Your instructions »
Collect every line in the records below that contains the word "IFCMATERIALLAYERSET".

Data for review »
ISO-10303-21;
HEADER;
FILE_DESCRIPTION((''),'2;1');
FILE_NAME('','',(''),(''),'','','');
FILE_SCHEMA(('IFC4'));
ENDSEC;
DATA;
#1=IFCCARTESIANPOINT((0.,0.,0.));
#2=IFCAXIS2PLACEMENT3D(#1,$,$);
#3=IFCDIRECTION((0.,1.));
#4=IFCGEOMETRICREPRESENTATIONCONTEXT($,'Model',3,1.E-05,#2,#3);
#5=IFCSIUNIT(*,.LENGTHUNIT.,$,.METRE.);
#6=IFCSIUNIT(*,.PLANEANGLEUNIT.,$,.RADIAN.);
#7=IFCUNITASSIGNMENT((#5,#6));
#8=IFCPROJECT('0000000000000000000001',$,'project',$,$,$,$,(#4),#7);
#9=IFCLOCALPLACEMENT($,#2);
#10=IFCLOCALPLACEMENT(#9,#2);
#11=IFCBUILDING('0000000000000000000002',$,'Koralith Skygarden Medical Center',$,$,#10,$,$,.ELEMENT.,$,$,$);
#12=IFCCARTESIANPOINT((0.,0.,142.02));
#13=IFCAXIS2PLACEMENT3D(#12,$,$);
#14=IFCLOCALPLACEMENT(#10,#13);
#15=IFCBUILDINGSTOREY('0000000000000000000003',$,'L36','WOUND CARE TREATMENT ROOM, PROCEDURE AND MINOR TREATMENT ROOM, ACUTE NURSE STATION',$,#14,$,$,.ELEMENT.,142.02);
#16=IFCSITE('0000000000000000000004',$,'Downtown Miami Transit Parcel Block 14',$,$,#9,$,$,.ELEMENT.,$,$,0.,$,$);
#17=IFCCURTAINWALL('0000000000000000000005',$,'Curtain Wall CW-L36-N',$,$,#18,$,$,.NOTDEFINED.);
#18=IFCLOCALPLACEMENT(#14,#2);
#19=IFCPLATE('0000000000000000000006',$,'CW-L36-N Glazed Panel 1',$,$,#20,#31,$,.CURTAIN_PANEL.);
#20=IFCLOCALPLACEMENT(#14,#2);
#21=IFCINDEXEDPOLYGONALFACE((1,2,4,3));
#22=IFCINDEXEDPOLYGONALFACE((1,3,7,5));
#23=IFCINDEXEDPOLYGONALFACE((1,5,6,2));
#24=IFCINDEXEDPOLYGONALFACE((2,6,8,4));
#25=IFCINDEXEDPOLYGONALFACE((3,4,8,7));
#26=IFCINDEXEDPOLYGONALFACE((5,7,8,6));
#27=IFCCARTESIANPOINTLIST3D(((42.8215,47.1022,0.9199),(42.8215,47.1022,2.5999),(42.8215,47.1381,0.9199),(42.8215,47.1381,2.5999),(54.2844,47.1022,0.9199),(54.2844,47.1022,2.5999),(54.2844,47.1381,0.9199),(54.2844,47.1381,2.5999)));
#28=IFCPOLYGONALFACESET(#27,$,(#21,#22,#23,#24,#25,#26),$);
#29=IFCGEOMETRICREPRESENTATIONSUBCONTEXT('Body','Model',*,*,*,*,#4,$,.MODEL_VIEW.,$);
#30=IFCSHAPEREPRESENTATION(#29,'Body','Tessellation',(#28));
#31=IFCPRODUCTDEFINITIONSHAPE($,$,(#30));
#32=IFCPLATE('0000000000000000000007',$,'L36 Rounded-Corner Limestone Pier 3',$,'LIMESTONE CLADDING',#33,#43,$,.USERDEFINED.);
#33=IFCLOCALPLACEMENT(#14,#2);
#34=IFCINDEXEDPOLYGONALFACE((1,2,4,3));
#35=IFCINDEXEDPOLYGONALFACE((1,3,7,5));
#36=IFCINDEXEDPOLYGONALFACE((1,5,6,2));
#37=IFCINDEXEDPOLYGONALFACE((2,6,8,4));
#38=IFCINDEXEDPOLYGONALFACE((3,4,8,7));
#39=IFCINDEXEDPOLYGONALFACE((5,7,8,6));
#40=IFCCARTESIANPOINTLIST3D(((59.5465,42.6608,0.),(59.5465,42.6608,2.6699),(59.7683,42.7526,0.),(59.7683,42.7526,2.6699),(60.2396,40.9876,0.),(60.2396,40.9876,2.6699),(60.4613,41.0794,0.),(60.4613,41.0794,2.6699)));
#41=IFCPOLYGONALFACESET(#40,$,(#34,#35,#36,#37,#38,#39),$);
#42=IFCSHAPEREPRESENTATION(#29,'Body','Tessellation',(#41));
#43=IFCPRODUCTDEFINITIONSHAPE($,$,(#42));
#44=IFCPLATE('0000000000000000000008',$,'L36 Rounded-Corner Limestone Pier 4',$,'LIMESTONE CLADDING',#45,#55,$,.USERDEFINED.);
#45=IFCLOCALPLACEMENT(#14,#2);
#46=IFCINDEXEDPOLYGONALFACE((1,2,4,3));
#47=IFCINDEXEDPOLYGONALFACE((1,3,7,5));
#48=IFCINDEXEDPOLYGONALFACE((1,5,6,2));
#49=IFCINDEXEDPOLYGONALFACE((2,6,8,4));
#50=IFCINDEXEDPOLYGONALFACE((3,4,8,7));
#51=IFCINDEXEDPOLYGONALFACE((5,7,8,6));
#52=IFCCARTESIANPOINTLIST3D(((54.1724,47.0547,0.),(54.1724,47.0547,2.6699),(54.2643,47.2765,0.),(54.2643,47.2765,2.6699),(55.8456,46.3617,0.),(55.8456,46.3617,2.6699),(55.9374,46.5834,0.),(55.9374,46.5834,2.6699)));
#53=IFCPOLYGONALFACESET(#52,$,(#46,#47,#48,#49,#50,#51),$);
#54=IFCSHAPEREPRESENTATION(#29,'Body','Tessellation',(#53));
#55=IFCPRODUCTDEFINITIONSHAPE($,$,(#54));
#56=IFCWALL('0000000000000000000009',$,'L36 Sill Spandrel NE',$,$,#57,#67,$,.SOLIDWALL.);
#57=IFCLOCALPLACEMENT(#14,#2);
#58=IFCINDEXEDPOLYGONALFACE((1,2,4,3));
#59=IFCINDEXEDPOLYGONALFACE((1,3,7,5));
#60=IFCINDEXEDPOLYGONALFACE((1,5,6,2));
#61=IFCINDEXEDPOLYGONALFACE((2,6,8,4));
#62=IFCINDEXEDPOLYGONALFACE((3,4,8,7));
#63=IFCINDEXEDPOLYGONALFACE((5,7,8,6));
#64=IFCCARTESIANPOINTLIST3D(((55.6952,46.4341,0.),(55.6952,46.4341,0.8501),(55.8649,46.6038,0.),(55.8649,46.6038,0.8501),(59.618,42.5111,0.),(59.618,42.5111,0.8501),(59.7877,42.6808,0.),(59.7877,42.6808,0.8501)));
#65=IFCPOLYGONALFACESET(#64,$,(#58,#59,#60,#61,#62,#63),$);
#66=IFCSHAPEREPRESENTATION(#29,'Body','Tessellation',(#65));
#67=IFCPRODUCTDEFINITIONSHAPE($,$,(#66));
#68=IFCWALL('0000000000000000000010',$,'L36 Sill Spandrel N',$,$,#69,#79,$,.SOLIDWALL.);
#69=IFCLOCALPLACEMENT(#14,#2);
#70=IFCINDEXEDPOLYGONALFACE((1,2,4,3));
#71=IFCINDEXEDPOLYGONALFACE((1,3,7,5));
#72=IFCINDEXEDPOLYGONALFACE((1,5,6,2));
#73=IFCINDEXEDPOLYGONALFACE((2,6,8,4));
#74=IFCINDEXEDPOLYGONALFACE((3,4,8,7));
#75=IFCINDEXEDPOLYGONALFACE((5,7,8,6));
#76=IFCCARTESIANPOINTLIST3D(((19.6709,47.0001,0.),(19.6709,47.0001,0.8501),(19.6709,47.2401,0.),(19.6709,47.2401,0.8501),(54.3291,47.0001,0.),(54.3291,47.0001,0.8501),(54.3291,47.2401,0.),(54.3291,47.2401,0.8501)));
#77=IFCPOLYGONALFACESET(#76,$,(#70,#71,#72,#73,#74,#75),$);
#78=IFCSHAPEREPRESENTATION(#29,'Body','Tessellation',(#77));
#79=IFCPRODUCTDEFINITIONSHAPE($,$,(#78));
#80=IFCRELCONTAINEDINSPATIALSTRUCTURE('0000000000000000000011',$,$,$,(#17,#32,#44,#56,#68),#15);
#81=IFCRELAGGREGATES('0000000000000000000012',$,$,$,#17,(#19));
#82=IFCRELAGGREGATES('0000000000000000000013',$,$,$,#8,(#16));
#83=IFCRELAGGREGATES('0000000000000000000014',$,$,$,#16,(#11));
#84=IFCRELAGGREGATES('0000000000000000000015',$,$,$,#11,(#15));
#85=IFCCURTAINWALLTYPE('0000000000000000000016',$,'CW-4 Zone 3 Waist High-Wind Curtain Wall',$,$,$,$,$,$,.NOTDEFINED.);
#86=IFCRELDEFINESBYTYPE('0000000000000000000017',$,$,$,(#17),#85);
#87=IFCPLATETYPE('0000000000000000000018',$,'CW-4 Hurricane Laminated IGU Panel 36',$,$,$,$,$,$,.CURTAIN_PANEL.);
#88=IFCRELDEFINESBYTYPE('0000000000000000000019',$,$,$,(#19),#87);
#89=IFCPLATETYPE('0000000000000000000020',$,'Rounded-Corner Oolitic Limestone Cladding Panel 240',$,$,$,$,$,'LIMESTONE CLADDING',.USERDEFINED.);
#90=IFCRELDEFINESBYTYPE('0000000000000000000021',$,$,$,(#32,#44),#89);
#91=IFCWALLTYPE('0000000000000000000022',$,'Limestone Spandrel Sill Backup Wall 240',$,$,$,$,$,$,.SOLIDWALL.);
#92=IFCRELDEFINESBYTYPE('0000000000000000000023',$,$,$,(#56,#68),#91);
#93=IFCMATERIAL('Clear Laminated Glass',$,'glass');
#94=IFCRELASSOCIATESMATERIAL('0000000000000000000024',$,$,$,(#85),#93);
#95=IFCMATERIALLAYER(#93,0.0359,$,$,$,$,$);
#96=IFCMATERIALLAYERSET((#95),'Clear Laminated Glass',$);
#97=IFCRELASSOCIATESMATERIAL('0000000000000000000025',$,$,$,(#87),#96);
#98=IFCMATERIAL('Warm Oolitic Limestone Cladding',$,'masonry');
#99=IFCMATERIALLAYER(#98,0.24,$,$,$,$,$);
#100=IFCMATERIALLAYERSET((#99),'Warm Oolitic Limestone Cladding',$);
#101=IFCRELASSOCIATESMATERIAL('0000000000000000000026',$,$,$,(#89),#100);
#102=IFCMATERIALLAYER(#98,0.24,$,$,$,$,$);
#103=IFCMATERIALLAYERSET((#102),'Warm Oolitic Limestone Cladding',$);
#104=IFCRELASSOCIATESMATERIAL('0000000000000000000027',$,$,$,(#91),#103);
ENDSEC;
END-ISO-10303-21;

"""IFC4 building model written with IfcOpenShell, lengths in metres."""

from ifc_helpers import new_model, si_unit, direction, frame, frame_2d, origin, origin_2d, place, context, subcontext, project, spatial, rectangle, extrude, material, layer, layer_set, type_object, element, aggregate, save


model = new_model("IFC4")

# Units and contexts
model_context = context("Model", 3, precision=1e-05, world=origin(), true_north=direction((0.0, 1.0)))
body_context = subcontext(model_context, "Body", "Model", "MODEL_VIEW")
ifc_project = project(units=[si_unit("LENGTHUNIT", "METRE"), si_unit("PLANEANGLEUNIT", "RADIAN")], contexts=[model_context])

# Site, building, storey
site_placement = place(None, origin())
site = spatial("IfcSite", under=ifc_project, at=site_placement, Name="Downtown Miami Transit Parcel Block 14", CompositionType="ELEMENT", RefElevation=0.0)
building_placement = place(site_placement, origin())
building = spatial("IfcBuilding", under=site, at=building_placement, Name="Koralith Skygarden Medical Center", CompositionType="ELEMENT")
storey_placement = place(building_placement, frame((0.0, 0.0, 142.02)))
storey = spatial("IfcBuildingStorey", under=building, at=storey_placement, Name="L36", Description="WOUND CARE TREATMENT ROOM, PROCEDURE AND MINOR TREATMENT ROOM, ACUTE NURSE STATION", CompositionType="ELEMENT", Elevation=142.02)

# Shared definitions
ifc_material_1 = material(Name="Clear Laminated Glass", Category="glass")
curtain_wall_type = type_object("IfcCurtainWallType", Name="CW-4 Zone 3 Waist High-Wind Curtain Wall", PredefinedType="NOTDEFINED", material=ifc_material_1)

# Curtain wall
curtain_wall_1_placement = place(storey_placement, origin())
curtain_wall_1 = element("IfcCurtainWall", 1, at=curtain_wall_1_placement, inside=storey, type_object=curtain_wall_type, Name="Curtain Wall CW-L36-N", PredefinedType="NOTDEFINED")

# Plate
ifc_layer_1 = layer(ifc_material_1, 0.0359)
ifc_layer_set_1 = layer_set([ifc_layer_1], Name="Clear Laminated Glass")
plate_type_1 = type_object("IfcPlateType", Name="CW-4 Hurricane Laminated IGU Panel 36", PredefinedType="CURTAIN_PANEL", material=ifc_layer_set_1)
plate_1_placement = place(storey_placement, frame((48.553, 47.1201, 0.9199), z_axis=(0.0, 0.0, 1.0), x_axis=(-1.0, 0.0, 0.0)))
plate_1 = element("IfcPlate", 2, at=plate_1_placement, type_object=plate_type_1, Name="CW-L36-N Glazed Panel 1", PredefinedType="CURTAIN_PANEL", context=body_context, shape_type="SweptSolid", body=[
    extrude(rectangle(XDim=11.4629, YDim=0.0359, at=origin_2d()), origin(), (0.0, 0.0, 1.0), 1.6799),
])
aggregate(curtain_wall_1, [plate_1])

# Plates
ifc_material_2 = material(Name="Warm Oolitic Limestone Cladding", Category="masonry")
ifc_layer_2 = layer(ifc_material_2, 0.24)
ifc_layer_set_2 = layer_set([ifc_layer_2], Name="Warm Oolitic Limestone Cladding")
plate_type_2 = type_object("IfcPlateType", Name="Rounded-Corner Oolitic Limestone Cladding Panel 240", ElementType="LIMESTONE CLADDING", PredefinedType="USERDEFINED", material=ifc_layer_set_2)
for number, where, z_axis, x_axis, name in (
    (3, (60.0039, 41.8701, 0.0), (0.0, 0.0, 1.0), (-0.382671, 0.923885, 0.0), "L36 Rounded-Corner Limestone Pier 3"),
    (4, (55.0549, 46.8191, 0.0), (0.0, 0.0, 1.0), (-0.923885, 0.382671, 0.0), "L36 Rounded-Corner Limestone Pier 4"),
):
    element("IfcPlate", number, at=place(storey_placement, frame(where, z_axis=z_axis, x_axis=x_axis)), inside=storey, type_object=plate_type_2, Name=name, ObjectType="LIMESTONE CLADDING", PredefinedType="USERDEFINED", context=body_context, shape_type="SweptSolid", body=[
        extrude(rectangle(XDim=1.811, YDim=0.24, at=origin_2d()), origin(), (0.0, 0.0, 1.0), 2.6699),
    ])

# Walls
ifc_layer_3 = layer(ifc_material_2, 0.24)
ifc_layer_set_3 = layer_set([ifc_layer_3], Name="Warm Oolitic Limestone Cladding")
wall_type = type_object("IfcWallType", Name="Limestone Spandrel Sill Backup Wall 240", PredefinedType="SOLIDWALL", material=ifc_layer_set_3)
wall_1_placement = place(storey_placement, frame((59.7029, 42.5959, 0.0), z_axis=(0.0, 0.0, 1.0), x_axis=(-0.707085, 0.707129, 0.0)))
element("IfcWall", 5, at=wall_1_placement, inside=storey, type_object=wall_type, Name="L36 Sill Spandrel NE", PredefinedType="SOLIDWALL", context=body_context, shape_type="SweptSolid", body=[
    extrude(rectangle(XDim=5.5479, YDim=0.24, at=frame_2d((2.7739, 0.0))), origin(), (0.0, 0.0, 1.0), 0.8501),
])
wall_2_placement = place(storey_placement, frame((54.3291, 47.1201, 0.0), z_axis=(0.0, 0.0, 1.0), x_axis=(-1.0, 0.0, 0.0)))
element("IfcWall", 6, at=wall_2_placement, inside=storey, type_object=wall_type, Name="L36 Sill Spandrel N", PredefinedType="SOLIDWALL", context=body_context, shape_type="SweptSolid", body=[
    extrude(rectangle(XDim=34.6582, YDim=0.24, at=frame_2d((17.3291, 0.0))), origin(), (0.0, 0.0, 1.0), 0.8501),
])

save(model, "model.ifc")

Exercise answer »
#96=IFCMATERIALLAYERSET((#95),'Clear Laminated Glass',$);
#100=IFCMATERIALLAYERSET((#99),'Warm Oolitic Limestone Cladding',$);
#103=IFCMATERIALLAYERSET((#102),'Warm Oolitic Limestone Cladding',$);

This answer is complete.